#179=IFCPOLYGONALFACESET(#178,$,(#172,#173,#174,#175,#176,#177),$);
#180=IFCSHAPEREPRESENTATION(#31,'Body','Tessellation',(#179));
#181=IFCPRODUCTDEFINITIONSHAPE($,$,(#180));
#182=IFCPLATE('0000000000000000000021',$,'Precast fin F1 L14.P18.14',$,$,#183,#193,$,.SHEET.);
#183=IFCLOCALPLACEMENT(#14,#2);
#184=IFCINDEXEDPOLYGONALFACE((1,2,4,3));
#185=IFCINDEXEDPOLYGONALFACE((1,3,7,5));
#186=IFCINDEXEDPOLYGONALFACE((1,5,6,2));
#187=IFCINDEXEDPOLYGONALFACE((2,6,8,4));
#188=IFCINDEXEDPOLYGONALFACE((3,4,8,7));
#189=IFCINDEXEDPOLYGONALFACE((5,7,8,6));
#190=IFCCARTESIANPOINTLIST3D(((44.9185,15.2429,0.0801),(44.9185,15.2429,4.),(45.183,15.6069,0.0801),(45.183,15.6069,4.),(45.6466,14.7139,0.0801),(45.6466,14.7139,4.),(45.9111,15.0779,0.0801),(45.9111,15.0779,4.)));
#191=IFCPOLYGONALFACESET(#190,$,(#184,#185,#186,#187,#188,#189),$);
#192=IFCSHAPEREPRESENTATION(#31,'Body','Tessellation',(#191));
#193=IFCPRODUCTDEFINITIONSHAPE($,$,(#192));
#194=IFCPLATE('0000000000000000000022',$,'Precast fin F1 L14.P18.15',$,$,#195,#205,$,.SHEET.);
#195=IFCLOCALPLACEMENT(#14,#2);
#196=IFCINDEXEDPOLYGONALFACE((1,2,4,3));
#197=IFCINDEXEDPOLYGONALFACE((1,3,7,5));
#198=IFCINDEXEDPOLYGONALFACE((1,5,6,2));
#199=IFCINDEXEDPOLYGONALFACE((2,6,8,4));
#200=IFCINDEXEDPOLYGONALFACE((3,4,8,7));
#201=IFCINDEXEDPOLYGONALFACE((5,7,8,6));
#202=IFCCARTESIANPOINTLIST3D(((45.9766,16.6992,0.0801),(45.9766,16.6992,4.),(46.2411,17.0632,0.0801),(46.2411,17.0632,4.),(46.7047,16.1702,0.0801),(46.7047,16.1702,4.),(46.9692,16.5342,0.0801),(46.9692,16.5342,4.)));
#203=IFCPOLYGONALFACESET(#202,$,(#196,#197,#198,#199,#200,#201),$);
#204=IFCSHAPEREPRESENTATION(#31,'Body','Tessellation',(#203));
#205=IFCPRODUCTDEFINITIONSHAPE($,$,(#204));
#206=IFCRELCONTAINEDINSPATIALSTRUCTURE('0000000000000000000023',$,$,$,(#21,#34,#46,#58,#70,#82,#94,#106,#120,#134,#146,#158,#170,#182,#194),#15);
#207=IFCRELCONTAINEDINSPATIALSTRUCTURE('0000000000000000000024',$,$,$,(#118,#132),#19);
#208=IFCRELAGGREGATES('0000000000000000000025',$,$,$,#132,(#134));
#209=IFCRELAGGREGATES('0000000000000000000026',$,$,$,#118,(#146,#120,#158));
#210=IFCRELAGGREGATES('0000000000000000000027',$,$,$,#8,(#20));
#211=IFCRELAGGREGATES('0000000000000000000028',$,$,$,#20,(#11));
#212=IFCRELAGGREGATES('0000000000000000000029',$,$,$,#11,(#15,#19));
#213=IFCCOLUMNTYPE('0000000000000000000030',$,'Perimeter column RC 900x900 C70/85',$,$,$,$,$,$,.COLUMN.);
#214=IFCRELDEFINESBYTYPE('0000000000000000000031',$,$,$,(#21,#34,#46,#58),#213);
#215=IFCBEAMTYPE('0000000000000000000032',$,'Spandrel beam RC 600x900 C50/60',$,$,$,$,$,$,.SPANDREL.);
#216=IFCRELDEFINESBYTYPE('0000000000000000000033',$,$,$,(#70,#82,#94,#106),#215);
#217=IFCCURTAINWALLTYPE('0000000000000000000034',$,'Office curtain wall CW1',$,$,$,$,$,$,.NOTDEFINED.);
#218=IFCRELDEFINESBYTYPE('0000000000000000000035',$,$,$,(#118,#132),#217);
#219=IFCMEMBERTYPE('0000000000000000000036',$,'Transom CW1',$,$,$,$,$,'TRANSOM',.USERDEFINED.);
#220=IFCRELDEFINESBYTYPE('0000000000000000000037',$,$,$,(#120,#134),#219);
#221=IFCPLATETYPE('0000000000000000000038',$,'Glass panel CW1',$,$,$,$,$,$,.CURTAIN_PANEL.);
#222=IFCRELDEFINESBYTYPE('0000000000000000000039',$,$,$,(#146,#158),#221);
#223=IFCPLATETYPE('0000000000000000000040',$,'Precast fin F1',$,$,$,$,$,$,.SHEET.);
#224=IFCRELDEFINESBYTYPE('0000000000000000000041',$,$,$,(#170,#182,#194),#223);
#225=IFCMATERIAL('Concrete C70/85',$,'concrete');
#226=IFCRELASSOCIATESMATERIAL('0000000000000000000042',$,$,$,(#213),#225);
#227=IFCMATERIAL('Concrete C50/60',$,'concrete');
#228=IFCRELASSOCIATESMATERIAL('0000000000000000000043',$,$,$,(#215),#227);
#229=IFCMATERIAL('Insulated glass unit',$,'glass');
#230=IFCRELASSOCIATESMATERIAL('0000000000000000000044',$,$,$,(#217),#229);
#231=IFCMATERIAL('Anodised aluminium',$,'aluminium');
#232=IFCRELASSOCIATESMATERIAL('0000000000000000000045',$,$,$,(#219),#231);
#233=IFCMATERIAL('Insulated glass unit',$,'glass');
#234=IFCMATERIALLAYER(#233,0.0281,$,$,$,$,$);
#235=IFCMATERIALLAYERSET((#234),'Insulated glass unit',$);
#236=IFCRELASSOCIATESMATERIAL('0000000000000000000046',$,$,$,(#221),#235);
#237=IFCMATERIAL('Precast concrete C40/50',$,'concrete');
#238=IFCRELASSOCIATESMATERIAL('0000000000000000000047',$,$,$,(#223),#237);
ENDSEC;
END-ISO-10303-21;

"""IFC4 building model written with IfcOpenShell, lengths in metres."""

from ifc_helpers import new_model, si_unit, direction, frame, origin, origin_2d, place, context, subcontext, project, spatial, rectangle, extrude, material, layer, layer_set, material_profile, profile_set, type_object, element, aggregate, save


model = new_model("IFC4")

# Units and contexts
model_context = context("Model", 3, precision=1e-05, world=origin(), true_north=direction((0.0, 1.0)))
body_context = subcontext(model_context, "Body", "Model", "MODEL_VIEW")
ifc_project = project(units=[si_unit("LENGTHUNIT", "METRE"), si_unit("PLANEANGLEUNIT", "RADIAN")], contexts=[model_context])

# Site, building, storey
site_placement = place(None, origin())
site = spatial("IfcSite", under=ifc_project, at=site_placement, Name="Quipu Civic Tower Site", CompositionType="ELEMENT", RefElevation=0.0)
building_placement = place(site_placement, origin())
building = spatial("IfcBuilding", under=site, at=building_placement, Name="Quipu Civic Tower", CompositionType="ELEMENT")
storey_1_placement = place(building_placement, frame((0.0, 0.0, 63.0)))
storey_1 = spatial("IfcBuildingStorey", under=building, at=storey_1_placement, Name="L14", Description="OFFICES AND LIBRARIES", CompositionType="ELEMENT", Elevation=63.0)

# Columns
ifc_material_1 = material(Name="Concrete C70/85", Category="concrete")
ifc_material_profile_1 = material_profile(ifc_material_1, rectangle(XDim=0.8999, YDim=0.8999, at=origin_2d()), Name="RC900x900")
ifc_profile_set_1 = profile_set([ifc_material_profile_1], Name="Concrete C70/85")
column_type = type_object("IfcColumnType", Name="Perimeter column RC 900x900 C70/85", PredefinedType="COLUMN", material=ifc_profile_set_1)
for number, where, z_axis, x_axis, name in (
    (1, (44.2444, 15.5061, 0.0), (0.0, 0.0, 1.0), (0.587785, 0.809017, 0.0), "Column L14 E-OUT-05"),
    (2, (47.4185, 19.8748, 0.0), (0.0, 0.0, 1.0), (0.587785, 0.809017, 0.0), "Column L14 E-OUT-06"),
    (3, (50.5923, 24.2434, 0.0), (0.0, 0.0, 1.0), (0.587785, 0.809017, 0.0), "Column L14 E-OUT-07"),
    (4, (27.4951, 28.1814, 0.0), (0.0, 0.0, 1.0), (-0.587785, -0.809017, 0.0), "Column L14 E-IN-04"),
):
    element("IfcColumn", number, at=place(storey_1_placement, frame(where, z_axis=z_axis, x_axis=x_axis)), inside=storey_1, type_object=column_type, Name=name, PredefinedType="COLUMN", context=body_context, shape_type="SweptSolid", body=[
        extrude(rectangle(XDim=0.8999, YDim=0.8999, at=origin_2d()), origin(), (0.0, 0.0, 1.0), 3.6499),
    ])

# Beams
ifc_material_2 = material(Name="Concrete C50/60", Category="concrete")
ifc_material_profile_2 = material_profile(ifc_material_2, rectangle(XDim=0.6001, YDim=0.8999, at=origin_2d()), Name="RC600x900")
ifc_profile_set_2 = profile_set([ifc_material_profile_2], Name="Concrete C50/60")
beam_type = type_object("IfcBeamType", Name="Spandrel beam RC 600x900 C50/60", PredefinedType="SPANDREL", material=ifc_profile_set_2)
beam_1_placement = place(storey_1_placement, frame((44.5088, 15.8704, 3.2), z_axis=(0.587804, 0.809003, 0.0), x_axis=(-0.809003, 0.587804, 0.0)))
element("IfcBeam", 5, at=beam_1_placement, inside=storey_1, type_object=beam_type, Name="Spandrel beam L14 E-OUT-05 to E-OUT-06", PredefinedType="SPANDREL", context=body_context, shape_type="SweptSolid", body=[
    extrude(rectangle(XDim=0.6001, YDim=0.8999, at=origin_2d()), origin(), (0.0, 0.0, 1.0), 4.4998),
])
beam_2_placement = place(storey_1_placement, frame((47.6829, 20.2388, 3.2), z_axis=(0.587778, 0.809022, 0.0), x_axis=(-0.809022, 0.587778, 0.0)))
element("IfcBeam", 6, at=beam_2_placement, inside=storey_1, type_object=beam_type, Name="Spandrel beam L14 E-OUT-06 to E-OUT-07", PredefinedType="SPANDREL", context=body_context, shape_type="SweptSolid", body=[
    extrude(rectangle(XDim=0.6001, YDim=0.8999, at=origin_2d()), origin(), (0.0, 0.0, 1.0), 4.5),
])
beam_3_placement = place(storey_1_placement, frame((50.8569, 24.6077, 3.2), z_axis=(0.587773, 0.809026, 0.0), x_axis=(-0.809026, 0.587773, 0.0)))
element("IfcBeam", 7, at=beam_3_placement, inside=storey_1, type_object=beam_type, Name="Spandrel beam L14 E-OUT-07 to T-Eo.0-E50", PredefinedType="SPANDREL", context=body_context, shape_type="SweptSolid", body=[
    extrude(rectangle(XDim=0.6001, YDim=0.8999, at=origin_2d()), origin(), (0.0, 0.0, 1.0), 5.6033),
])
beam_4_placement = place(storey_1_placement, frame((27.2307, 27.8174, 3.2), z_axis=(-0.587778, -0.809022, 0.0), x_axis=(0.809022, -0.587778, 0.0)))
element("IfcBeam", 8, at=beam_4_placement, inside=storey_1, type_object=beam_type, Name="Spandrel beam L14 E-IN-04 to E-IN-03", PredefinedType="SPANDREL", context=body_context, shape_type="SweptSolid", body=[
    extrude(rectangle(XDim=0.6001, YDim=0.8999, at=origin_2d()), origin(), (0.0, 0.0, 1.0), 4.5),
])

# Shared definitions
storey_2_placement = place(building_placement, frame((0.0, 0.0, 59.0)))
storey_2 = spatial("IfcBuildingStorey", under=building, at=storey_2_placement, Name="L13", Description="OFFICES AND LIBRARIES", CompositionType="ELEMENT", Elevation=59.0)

****************

### WHAT TO WORK ON
Search the data above for the word "subcontext". Copy each line it is in.

### RESPONSE TO THE EXERCISE
from ifc_helpers import new_model, si_unit, direction, frame, origin, origin_2d, place, context, subcontext, project, spatial, rectangle, extrude, material, layer, layer_set, material_profile, profile_set, type_object, element, aggregate, save
body_context = subcontext(model_context, "Body", "Model", "MODEL_VIEW")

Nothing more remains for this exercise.